• **TASK PROMPT**:
Your response should be every line from the entries that includes the string "IFCRELAGGREGATES".

• **MATERIALS PROVIDED**:
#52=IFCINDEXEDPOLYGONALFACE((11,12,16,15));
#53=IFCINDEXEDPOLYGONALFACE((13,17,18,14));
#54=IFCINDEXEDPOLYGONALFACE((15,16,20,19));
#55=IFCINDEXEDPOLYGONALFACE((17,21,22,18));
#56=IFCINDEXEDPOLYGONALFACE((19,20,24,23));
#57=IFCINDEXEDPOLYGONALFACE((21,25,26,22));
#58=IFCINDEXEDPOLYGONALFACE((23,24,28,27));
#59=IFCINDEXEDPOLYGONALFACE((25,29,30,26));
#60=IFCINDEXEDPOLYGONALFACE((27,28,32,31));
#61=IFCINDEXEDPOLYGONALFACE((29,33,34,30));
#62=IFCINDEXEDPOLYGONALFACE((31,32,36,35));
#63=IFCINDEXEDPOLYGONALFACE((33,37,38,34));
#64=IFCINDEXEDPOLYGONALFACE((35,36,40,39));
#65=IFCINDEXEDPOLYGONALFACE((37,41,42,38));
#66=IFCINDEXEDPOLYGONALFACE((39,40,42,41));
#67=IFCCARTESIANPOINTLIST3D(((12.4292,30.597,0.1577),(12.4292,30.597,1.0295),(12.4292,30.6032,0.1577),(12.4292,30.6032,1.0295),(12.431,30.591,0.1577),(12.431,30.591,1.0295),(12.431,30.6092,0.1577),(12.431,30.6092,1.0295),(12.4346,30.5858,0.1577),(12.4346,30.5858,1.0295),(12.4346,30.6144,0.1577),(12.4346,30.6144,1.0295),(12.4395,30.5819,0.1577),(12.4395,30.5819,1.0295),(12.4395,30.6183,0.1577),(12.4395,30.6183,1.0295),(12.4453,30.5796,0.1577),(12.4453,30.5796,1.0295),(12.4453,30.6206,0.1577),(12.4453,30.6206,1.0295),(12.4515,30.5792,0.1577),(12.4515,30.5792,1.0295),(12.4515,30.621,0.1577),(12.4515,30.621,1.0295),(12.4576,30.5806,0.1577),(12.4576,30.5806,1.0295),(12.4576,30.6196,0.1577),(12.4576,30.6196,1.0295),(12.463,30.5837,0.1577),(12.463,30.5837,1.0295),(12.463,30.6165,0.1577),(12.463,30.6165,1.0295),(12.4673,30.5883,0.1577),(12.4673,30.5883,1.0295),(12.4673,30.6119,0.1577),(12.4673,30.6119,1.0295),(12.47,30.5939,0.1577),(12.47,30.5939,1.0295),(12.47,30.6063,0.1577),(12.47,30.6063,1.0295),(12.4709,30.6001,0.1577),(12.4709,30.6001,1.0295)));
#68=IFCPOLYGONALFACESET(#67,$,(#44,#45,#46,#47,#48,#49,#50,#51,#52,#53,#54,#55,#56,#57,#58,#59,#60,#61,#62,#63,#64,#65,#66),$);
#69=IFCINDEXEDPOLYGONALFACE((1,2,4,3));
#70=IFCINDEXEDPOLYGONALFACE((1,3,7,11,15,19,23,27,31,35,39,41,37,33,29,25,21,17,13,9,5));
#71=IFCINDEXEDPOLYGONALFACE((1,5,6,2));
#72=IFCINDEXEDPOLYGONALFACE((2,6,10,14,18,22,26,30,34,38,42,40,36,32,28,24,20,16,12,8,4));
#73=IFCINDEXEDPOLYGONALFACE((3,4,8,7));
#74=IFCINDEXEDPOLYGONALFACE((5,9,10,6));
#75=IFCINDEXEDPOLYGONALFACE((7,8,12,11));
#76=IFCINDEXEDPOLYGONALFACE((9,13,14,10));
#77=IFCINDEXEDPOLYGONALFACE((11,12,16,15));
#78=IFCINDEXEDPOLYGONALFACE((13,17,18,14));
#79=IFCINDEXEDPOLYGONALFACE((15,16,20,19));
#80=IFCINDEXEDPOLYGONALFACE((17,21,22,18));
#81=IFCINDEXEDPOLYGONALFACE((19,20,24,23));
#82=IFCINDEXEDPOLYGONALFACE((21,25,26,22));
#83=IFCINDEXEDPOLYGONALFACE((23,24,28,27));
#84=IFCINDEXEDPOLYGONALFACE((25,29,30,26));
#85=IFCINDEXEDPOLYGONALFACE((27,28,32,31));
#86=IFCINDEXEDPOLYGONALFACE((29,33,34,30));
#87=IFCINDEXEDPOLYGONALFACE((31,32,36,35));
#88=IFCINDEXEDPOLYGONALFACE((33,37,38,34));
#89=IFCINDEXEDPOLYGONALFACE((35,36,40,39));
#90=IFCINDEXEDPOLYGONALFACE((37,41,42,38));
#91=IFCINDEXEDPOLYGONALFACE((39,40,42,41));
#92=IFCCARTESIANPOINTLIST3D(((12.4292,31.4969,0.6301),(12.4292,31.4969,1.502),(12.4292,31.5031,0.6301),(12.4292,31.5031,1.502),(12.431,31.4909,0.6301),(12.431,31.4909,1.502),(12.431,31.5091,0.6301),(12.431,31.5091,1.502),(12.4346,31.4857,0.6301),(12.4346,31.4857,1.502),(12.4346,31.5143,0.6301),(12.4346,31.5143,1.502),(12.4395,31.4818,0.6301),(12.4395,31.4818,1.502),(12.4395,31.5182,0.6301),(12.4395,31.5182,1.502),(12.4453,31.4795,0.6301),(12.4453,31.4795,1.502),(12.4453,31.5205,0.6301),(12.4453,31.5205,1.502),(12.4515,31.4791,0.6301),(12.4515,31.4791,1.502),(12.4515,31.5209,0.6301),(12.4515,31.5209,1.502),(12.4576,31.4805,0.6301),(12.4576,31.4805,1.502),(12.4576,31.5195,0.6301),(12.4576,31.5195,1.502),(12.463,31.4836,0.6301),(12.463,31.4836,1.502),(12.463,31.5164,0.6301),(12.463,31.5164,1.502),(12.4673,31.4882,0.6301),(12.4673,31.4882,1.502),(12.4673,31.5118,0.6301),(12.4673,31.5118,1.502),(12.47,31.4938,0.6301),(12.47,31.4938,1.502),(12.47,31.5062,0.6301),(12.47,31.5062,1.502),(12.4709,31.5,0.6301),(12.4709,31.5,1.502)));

* * *

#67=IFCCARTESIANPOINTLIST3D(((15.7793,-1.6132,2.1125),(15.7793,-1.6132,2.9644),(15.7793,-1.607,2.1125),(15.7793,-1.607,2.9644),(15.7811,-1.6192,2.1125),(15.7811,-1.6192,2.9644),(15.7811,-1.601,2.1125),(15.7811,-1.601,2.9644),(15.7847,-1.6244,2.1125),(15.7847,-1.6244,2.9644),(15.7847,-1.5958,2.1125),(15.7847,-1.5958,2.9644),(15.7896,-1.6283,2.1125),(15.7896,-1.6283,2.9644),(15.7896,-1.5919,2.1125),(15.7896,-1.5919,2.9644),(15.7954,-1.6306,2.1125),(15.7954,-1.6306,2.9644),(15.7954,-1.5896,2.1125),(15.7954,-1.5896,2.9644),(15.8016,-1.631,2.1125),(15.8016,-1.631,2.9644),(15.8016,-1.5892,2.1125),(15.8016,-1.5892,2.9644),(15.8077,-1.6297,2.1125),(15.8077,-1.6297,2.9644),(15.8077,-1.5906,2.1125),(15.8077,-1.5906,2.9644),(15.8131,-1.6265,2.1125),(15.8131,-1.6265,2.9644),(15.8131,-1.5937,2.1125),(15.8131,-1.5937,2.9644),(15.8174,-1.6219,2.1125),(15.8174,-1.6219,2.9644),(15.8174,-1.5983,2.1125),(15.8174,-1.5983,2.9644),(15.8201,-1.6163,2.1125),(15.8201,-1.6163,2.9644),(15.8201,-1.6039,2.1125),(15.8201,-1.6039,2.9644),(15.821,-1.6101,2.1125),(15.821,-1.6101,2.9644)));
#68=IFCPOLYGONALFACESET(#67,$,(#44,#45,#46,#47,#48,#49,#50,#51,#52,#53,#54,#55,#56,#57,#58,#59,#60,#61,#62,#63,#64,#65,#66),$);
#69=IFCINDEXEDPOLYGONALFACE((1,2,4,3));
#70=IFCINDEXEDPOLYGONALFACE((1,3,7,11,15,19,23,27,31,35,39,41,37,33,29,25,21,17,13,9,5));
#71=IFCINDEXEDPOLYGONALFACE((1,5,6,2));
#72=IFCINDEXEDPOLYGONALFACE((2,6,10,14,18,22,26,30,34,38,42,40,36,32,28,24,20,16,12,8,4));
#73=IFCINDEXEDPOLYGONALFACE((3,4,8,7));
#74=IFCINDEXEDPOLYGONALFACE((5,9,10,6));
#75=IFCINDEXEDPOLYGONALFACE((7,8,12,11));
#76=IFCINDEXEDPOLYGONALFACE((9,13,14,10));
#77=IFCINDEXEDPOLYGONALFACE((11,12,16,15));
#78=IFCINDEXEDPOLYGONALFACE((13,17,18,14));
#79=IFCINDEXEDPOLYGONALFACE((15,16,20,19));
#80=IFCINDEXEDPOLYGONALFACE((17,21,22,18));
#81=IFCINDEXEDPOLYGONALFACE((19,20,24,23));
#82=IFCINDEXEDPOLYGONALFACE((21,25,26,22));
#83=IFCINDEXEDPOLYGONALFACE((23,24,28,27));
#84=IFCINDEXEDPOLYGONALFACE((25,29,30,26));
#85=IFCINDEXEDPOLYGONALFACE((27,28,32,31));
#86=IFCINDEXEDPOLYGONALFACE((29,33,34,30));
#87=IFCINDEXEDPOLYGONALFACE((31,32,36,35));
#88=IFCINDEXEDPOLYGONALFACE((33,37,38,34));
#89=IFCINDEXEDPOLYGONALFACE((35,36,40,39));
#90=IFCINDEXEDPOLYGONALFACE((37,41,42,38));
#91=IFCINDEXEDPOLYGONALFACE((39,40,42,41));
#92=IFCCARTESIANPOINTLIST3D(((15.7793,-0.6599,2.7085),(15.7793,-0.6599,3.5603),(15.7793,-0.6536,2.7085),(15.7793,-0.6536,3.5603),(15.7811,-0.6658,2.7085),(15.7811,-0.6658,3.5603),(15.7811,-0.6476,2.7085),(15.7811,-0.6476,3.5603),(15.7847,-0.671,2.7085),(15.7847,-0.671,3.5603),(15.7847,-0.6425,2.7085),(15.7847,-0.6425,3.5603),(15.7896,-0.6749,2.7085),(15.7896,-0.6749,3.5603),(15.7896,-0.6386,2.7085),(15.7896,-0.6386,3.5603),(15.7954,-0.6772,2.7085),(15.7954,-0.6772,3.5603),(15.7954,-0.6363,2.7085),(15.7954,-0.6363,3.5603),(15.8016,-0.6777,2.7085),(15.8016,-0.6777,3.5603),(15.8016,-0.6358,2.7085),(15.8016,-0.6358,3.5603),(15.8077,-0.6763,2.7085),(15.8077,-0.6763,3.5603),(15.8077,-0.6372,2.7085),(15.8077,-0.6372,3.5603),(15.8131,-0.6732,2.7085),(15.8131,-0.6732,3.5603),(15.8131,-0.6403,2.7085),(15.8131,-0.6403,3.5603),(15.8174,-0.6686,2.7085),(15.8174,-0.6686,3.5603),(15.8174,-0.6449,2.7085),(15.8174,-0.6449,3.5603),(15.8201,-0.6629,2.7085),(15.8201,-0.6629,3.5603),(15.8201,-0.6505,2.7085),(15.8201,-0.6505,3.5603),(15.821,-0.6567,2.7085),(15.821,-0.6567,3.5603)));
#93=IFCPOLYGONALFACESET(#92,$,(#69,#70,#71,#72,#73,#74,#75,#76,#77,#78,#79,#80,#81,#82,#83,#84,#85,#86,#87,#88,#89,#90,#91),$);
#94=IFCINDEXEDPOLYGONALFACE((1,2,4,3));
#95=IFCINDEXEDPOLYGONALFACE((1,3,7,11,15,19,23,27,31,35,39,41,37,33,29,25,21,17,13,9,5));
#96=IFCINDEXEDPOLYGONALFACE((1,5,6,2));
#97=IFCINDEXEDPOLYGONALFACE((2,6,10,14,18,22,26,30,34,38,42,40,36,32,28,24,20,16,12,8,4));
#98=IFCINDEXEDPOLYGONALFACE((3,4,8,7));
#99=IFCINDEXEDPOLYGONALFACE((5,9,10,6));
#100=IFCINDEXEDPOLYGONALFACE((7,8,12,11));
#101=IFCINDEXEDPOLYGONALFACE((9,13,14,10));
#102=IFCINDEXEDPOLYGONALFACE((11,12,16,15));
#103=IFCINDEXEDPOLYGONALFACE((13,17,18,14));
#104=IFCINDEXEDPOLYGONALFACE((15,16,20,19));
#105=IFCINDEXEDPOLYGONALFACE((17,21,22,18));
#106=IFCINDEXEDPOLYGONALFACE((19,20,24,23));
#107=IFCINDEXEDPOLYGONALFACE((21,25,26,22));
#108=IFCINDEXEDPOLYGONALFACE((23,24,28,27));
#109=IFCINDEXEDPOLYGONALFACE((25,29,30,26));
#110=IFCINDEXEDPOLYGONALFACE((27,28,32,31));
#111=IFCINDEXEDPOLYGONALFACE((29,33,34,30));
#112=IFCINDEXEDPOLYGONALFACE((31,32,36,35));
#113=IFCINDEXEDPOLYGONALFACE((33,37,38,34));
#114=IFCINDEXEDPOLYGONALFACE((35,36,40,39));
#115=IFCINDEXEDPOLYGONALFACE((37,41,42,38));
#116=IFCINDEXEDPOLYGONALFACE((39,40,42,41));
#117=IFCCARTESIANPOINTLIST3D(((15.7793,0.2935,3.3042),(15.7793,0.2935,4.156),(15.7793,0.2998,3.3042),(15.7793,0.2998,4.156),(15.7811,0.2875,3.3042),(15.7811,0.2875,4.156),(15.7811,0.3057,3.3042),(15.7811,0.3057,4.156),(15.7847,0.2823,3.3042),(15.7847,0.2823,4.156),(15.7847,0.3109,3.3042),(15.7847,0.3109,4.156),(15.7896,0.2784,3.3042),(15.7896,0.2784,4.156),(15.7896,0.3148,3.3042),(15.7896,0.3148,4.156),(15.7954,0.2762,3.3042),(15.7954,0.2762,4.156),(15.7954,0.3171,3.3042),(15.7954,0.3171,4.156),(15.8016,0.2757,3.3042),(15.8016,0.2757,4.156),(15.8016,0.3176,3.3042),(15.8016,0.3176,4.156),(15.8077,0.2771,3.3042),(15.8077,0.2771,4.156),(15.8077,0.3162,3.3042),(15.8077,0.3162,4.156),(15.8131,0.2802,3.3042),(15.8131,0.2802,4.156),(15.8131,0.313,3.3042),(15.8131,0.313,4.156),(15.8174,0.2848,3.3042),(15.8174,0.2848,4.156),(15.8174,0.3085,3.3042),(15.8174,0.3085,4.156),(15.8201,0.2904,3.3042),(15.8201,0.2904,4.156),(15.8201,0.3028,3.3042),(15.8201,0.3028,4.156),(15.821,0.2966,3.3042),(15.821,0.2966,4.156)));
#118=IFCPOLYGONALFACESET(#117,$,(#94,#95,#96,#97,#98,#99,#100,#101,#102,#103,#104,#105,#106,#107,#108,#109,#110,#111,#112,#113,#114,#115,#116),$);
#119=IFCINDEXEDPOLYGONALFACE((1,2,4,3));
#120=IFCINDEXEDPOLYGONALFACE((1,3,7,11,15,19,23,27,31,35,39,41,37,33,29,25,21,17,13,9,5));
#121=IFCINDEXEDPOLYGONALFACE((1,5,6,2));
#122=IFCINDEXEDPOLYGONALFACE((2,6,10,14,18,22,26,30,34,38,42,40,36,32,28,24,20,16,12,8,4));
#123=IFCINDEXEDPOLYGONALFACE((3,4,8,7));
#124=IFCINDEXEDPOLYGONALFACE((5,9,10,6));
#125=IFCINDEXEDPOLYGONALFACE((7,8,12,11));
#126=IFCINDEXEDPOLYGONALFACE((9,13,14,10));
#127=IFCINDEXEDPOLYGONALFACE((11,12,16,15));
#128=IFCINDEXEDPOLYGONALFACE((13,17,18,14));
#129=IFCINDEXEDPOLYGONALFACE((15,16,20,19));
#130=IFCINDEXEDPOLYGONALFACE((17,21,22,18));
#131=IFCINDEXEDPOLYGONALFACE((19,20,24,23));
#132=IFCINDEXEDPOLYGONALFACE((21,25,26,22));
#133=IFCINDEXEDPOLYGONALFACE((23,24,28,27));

--

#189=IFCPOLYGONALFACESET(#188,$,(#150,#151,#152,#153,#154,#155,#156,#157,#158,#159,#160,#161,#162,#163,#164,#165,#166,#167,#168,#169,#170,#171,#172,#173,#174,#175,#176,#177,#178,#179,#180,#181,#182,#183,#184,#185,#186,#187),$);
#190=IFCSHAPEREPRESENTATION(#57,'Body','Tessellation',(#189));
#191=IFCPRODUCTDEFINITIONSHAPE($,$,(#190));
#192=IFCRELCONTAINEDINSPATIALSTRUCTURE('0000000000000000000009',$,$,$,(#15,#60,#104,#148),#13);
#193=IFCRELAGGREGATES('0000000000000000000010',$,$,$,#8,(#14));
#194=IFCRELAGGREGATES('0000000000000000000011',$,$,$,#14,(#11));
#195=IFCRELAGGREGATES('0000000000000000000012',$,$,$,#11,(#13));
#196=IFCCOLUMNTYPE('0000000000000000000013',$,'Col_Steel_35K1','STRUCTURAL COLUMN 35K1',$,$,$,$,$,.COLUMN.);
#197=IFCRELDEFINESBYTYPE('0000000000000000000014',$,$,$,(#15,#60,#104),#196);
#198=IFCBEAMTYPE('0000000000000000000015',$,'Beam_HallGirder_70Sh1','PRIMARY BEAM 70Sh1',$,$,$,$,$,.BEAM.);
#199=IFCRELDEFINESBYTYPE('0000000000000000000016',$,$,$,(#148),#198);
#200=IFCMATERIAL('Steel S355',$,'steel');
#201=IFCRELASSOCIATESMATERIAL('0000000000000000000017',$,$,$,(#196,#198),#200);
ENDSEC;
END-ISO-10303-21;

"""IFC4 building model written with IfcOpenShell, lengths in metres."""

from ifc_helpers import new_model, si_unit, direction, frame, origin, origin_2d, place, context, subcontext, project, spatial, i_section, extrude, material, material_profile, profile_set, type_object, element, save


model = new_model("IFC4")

• **ANSWER SECTION**:
#193=IFCRELAGGREGATES('0000000000000000000010',$,$,$,#8,(#14));
#194=IFCRELAGGREGATES('0000000000000000000011',$,$,$,#14,(#11));
#195=IFCRELAGGREGATES('0000000000000000000012',$,$,$,#11,(#13));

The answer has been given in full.